Recorded data
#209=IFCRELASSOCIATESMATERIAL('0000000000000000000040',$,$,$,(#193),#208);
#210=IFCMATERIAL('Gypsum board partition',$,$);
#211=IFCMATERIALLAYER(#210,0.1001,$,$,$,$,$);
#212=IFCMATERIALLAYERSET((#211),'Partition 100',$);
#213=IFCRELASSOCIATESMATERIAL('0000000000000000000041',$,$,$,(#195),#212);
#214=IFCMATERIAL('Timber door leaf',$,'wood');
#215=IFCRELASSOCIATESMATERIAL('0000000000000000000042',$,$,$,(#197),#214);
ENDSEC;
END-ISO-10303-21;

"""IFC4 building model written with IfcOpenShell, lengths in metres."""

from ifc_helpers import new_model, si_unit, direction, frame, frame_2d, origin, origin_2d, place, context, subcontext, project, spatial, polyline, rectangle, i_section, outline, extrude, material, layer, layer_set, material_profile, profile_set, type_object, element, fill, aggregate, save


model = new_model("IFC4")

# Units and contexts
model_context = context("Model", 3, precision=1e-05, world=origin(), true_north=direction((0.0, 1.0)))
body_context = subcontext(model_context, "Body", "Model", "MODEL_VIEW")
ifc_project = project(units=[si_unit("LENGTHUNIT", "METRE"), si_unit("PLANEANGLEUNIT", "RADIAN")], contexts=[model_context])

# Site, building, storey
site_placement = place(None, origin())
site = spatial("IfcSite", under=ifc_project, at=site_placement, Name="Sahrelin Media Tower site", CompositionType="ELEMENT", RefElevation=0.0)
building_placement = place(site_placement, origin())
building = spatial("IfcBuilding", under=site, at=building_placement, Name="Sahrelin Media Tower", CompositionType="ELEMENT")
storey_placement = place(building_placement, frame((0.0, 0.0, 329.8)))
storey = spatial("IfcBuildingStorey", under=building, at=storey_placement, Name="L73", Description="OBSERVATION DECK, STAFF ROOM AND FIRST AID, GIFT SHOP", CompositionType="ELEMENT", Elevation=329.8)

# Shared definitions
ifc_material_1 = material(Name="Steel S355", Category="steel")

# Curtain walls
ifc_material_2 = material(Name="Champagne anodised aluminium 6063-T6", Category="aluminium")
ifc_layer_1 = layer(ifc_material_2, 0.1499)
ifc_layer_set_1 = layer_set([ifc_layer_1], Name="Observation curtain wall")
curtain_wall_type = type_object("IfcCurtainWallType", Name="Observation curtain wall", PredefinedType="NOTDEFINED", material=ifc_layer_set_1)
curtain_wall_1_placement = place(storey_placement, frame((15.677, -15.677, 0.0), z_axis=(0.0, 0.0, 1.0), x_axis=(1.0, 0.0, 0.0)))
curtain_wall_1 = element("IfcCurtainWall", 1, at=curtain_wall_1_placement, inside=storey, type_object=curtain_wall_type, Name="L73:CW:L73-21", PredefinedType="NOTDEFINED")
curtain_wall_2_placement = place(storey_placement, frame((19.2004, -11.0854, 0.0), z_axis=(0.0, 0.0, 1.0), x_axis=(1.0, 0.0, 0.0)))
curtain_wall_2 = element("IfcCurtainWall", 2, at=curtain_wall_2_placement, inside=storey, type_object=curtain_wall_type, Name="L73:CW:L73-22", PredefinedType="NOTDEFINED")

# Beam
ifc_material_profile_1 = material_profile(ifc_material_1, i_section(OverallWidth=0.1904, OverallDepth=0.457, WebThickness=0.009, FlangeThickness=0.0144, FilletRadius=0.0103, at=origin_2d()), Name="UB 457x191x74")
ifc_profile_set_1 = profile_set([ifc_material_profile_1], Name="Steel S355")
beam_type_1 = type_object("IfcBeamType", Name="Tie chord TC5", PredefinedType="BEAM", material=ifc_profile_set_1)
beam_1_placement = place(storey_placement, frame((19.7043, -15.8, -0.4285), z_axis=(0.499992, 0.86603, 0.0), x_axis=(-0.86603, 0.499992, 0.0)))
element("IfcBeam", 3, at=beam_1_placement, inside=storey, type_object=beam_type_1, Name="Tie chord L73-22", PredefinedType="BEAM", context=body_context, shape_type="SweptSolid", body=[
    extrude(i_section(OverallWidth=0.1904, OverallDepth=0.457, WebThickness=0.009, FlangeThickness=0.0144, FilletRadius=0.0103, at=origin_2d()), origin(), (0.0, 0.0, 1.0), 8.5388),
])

...

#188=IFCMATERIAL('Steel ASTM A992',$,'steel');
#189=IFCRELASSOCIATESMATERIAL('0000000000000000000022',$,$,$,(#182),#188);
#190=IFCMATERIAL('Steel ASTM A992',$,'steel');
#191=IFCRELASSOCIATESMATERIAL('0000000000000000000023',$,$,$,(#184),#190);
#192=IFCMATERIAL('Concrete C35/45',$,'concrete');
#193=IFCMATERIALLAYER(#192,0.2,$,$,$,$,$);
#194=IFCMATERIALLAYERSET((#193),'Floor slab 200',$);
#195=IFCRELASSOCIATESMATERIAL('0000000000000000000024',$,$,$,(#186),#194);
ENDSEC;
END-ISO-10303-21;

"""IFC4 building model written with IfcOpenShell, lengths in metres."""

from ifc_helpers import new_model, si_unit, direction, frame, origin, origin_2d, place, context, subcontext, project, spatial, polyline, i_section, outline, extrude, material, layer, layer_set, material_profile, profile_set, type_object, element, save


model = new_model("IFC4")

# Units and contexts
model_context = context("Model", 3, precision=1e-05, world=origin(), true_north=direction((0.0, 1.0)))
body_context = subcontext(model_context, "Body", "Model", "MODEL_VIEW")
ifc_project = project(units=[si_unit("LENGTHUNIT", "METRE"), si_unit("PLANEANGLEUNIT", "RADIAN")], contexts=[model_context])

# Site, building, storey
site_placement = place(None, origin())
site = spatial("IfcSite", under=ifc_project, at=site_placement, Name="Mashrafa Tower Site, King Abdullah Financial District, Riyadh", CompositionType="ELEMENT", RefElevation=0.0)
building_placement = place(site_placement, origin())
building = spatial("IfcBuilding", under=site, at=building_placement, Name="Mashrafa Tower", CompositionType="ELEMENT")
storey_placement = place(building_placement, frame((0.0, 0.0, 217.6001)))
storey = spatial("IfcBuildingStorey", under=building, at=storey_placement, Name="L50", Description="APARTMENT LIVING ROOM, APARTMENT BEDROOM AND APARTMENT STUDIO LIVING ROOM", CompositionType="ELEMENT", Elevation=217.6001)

---

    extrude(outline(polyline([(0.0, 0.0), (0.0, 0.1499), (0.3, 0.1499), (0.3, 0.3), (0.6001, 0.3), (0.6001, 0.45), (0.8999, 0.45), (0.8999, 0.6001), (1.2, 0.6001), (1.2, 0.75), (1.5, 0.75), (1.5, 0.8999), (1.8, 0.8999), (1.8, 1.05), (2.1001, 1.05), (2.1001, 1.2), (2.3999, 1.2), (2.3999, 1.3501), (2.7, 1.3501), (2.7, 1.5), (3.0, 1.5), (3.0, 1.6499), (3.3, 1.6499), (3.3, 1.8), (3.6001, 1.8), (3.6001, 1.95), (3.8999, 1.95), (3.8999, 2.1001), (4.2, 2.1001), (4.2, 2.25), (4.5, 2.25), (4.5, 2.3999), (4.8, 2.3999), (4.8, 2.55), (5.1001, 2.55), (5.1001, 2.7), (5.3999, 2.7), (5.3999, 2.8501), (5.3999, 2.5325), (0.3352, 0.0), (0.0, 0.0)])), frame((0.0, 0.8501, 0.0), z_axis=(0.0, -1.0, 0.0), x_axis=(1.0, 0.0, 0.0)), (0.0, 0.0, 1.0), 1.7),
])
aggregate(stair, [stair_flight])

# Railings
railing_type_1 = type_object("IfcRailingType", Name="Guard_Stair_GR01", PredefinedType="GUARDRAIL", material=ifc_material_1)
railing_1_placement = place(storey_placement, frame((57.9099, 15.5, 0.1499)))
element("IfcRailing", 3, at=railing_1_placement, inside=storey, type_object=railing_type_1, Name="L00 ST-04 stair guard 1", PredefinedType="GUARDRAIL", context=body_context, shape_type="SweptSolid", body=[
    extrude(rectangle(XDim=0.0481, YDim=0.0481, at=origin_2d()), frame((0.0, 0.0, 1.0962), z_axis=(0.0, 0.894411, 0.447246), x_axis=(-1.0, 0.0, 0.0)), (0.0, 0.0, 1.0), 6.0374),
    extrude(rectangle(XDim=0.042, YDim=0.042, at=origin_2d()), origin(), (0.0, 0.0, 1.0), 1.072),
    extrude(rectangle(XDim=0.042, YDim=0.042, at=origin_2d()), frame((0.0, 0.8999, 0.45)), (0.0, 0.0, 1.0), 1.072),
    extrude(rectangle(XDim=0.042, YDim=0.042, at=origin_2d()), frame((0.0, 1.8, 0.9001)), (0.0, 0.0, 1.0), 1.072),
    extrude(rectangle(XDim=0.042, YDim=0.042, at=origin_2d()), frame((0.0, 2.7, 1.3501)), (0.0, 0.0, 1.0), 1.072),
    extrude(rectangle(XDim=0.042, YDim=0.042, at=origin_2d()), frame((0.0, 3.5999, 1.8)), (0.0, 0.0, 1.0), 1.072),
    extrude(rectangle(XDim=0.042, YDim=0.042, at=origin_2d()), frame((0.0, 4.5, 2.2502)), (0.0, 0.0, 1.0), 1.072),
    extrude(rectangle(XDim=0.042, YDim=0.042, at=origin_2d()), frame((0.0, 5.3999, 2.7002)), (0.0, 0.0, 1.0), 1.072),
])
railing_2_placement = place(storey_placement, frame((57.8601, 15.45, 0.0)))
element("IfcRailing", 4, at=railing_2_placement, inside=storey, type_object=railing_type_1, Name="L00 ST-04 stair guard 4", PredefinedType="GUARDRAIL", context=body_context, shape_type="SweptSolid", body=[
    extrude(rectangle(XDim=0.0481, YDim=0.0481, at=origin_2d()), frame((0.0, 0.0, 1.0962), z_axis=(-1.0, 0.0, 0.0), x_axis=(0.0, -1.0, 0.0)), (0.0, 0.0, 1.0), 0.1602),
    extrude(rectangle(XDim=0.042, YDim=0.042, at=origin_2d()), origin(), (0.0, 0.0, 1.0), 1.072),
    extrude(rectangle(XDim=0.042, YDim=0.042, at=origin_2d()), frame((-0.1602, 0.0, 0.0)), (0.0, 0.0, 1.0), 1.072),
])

## Task directions
Look above for the line holding "-15.677, 0.0), z_axis=(0.0, 0.0, 1.0), x_axis=(1.0, 0.0, 0.0)))" and the line holding "-11.0854, 0.0), z_axis=(0.0, 0.0, 1.0), x_axis=(1.0, 0.0, 0.0)))". Retype both, and every line between them, word for word and nothing else.

## Result of the task
curtain_wall_1_placement = place(storey_placement, frame((15.677, -15.677, 0.0), z_axis=(0.0, 0.0, 1.0), x_axis=(1.0, 0.0, 0.0)))
curtain_wall_1 = element("IfcCurtainWall", 1, at=curtain_wall_1_placement, inside=storey, type_object=curtain_wall_type, Name="L73:CW:L73-21", PredefinedType="NOTDEFINED")
curtain_wall_2_placement = place(storey_placement, frame((19.2004, -11.0854, 0.0), z_axis=(0.0, 0.0, 1.0), x_axis=(1.0, 0.0, 0.0)))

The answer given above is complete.